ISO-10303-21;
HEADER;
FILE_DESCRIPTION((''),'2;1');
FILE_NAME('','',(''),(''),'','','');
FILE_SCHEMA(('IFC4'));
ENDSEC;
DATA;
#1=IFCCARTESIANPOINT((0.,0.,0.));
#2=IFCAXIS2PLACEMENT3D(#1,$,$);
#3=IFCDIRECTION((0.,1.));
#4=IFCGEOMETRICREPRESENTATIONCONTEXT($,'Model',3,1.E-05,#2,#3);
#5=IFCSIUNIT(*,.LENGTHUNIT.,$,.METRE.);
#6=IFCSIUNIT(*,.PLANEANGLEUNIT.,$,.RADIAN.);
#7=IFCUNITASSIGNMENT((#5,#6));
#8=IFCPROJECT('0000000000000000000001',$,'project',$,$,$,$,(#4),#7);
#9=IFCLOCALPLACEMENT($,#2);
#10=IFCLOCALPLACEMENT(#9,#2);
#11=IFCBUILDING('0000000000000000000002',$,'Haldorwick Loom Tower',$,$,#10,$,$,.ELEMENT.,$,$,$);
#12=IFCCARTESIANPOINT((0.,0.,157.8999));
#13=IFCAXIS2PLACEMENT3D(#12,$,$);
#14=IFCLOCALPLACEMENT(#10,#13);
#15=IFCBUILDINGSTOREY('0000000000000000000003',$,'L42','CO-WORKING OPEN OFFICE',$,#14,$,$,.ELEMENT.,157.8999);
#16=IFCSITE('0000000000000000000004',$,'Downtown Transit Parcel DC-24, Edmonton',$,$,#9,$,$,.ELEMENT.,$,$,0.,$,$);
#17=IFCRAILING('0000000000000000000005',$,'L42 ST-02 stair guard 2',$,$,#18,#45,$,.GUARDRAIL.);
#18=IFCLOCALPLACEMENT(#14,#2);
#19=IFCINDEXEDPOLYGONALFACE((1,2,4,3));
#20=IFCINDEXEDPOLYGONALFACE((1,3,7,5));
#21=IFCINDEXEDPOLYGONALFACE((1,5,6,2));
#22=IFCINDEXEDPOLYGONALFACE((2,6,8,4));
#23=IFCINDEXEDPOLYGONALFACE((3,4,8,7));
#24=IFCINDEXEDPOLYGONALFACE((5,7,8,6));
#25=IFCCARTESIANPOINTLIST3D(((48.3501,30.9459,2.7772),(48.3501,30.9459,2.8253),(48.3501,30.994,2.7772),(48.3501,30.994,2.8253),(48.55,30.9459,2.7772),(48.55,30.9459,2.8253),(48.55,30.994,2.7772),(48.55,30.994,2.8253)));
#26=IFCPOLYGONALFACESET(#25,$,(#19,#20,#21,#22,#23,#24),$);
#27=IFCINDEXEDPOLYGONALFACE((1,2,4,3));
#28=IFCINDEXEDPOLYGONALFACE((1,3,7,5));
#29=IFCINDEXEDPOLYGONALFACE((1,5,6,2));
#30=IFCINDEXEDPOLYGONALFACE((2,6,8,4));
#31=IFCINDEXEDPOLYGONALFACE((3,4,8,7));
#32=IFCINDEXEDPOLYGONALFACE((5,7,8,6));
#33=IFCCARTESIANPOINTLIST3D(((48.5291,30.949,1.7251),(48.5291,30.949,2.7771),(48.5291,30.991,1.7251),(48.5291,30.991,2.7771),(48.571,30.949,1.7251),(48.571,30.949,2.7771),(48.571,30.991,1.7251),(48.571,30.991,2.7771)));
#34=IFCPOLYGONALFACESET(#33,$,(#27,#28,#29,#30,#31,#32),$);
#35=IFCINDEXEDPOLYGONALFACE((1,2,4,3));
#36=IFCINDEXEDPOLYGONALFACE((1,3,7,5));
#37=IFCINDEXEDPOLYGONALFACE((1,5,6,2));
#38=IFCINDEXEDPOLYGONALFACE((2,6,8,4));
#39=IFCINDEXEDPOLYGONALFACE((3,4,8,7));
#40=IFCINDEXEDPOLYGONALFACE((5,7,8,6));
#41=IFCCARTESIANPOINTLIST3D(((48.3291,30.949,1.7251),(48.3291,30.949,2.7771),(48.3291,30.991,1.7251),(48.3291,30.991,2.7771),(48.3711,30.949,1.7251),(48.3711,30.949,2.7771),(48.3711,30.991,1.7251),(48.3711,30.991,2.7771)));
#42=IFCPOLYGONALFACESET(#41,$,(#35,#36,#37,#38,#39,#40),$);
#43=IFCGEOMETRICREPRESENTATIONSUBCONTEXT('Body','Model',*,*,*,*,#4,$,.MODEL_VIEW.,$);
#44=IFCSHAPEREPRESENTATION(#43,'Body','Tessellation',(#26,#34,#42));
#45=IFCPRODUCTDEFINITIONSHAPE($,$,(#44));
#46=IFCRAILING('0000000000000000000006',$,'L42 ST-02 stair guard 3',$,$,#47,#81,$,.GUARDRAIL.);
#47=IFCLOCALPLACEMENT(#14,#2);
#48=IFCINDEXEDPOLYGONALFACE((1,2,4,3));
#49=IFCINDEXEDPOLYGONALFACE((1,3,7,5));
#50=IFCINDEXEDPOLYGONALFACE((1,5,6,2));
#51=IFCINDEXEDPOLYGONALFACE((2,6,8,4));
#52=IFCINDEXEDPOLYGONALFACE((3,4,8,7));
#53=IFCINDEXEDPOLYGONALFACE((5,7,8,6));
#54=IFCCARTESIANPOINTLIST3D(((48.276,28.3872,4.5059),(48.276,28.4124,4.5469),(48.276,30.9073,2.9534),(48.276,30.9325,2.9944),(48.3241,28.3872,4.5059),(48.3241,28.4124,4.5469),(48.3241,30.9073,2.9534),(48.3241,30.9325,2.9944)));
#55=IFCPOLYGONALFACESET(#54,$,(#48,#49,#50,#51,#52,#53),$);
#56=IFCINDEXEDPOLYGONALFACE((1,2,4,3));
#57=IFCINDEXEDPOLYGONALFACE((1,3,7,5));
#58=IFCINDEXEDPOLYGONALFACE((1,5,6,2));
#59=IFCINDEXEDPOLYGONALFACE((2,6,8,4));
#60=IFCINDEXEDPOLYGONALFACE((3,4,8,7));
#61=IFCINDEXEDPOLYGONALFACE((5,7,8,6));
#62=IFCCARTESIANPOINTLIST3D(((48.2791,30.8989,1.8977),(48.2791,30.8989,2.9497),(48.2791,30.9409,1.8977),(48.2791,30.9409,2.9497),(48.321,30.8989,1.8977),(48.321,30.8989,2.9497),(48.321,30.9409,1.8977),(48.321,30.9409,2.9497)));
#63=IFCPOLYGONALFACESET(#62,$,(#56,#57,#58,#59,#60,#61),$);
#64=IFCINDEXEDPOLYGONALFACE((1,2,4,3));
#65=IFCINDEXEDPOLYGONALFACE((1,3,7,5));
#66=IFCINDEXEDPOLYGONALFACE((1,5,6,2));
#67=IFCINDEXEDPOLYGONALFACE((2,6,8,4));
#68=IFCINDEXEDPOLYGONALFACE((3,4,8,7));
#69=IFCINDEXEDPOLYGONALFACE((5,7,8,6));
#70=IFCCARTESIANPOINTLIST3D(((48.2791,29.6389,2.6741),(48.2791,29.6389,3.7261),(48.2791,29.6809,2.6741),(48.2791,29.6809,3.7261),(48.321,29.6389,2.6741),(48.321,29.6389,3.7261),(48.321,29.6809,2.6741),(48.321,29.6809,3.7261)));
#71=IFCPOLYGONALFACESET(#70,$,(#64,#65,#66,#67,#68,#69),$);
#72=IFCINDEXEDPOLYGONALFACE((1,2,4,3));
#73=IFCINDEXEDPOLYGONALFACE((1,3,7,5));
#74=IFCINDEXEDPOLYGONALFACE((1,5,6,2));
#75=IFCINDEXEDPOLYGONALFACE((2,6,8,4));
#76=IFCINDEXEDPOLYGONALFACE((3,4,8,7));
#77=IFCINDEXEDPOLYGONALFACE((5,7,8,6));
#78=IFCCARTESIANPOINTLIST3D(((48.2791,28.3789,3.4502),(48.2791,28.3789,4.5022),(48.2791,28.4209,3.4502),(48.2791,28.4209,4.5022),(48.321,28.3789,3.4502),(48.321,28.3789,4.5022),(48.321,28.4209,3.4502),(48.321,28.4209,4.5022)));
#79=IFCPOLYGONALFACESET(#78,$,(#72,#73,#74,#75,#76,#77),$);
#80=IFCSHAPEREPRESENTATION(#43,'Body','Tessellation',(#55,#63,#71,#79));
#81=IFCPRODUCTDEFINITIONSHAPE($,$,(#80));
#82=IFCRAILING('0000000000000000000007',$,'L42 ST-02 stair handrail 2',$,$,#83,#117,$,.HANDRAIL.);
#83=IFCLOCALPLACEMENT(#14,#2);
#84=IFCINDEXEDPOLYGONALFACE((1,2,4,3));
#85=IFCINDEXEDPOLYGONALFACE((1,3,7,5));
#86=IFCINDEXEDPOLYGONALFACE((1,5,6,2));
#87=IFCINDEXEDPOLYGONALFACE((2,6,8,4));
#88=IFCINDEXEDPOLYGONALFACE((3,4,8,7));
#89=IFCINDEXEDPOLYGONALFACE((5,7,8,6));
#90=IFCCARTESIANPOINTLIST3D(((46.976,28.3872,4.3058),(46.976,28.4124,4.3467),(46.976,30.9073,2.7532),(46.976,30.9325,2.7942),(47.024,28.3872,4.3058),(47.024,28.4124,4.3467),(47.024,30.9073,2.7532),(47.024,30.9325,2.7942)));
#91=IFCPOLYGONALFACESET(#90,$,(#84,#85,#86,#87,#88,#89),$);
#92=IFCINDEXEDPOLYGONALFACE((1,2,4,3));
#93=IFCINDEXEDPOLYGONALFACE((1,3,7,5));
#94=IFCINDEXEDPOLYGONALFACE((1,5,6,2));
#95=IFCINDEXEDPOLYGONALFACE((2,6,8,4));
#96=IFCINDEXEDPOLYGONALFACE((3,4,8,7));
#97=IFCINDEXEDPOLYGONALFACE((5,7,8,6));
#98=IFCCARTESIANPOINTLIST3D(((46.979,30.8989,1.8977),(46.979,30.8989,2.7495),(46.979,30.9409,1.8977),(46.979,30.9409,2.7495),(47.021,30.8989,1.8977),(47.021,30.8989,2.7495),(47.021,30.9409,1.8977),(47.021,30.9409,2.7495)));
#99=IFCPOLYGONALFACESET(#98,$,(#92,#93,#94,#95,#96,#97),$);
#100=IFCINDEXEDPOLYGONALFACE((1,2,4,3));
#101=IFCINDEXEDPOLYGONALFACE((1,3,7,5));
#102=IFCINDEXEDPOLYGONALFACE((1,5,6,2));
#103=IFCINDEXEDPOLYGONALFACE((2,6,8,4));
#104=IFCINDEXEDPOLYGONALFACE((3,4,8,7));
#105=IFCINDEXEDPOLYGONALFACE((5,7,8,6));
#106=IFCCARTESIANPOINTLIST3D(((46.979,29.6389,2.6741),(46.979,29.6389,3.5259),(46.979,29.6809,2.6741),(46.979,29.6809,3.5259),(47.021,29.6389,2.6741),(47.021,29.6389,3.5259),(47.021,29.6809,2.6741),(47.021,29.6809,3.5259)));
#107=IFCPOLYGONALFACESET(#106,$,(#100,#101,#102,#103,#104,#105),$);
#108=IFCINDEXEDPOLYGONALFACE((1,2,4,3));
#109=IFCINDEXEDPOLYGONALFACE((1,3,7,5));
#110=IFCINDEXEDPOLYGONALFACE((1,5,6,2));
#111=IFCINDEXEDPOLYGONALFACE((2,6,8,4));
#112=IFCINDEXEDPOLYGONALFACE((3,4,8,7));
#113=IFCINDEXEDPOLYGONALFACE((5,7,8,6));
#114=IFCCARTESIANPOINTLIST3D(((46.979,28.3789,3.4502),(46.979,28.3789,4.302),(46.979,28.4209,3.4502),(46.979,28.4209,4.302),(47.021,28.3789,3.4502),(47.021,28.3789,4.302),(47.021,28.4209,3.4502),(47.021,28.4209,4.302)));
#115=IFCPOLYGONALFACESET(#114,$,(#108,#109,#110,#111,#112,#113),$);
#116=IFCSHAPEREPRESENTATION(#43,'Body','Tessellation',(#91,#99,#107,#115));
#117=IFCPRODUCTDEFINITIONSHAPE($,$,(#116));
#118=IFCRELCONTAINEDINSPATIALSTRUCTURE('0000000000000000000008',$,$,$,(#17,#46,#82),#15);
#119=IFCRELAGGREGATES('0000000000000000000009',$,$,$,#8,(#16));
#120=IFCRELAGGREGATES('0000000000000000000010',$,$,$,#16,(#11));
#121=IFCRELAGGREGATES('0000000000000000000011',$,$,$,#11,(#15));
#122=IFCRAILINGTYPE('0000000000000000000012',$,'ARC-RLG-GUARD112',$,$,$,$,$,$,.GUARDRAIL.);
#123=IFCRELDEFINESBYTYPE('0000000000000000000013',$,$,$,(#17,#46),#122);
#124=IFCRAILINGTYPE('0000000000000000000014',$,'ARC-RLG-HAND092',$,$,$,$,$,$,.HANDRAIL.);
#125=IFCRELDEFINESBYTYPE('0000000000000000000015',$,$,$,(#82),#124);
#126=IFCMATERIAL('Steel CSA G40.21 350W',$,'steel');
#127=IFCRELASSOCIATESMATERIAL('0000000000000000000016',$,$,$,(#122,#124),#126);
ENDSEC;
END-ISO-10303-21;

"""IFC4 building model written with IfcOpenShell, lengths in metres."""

from ifc_helpers import new_model, si_unit, direction, frame, origin, origin_2d, place, context, subcontext, project, spatial, rectangle, extrude, material, type_object, element, save


model = new_model("IFC4")

# Units and contexts
model_context = context("Model", 3, precision=1e-05, world=origin(), true_north=direction((0.0, 1.0)))
body_context = subcontext(model_context, "Body", "Model", "MODEL_VIEW")
ifc_project = project(units=[si_unit("LENGTHUNIT", "METRE"), si_unit("PLANEANGLEUNIT", "RADIAN")], contexts=[model_context])

# Site, building, storey
site_placement = place(None, origin())
site = spatial("IfcSite", under=ifc_project, at=site_placement, Name="Downtown Transit Parcel DC-24, Edmonton", CompositionType="ELEMENT", RefElevation=0.0)
building_placement = place(site_placement, origin())
building = spatial("IfcBuilding", under=site, at=building_placement, Name="Haldorwick Loom Tower", CompositionType="ELEMENT")
storey_placement = place(building_placement, frame((0.0, 0.0, 157.8999)))
storey = spatial("IfcBuildingStorey", under=building, at=storey_placement, Name="L42", Description="CO-WORKING OPEN OFFICE", CompositionType="ELEMENT", Elevation=157.8999)

# Shared definitions
ifc_material_1 = material(Name="Steel CSA G40.21 350W", Category="steel")

# Railings
railing_type_1 = type_object("IfcRailingType", Name="ARC-RLG-GUARD112", PredefinedType="GUARDRAIL", material=ifc_material_1)
railing_1_placement = place(storey_placement, frame((48.55, 30.97, 1.7251)))
element("IfcRailing", 1, at=railing_1_placement, inside=storey, type_object=railing_type_1, Name="L42 ST-02 stair guard 2", PredefinedType="GUARDRAIL", context=body_context, shape_type="SweptSolid", body=[
    extrude(rectangle(XDim=0.0481, YDim=0.0481, at=origin_2d()), frame((0.0, 0.0, 1.0762), z_axis=(-1.0, 0.0, 0.0), x_axis=(0.0, -1.0, 0.0)), (0.0, 0.0, 1.0), 0.2),
    extrude(rectangle(XDim=0.042, YDim=0.042, at=origin_2d()), origin(), (0.0, 0.0, 1.0), 1.052),
    extrude(rectangle(XDim=0.042, YDim=0.042, at=origin_2d()), frame((-0.2, 0.0, 0.0)), (0.0, 0.0, 1.0), 1.052),
])
railing_2_placement = place(storey_placement, frame((48.3, 30.9199, 1.8977)))
element("IfcRailing", 2, at=railing_2_placement, inside=storey, type_object=railing_type_1, Name="L42 ST-02 stair guard 3", PredefinedType="GUARDRAIL", context=body_context, shape_type="SweptSolid", body=[
    extrude(rectangle(XDim=0.0481, YDim=0.0481, at=origin_2d()), frame((0.0, 0.0, 1.0762), z_axis=(0.0, -0.8514, 0.524516), x_axis=(1.0, 0.0, 0.0)), (0.0, 0.0, 1.0), 2.96),
    extrude(rectangle(XDim=0.042, YDim=0.042, at=origin_2d()), origin(), (0.0, 0.0, 1.0), 1.052),
    extrude(rectangle(XDim=0.042, YDim=0.042, at=origin_2d()), frame((0.0, -1.26, 0.7764)), (0.0, 0.0, 1.0), 1.052),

- - - - -

◆ **Exercise requirements**
In the material, find each line with the word "IFCPRODUCTDEFINITIONSHAPE" and list it.

◆ **Task response**
#45=IFCPRODUCTDEFINITIONSHAPE($,$,(#44));
#81=IFCPRODUCTDEFINITIONSHAPE($,$,(#80));
#117=IFCPRODUCTDEFINITIONSHAPE($,$,(#116));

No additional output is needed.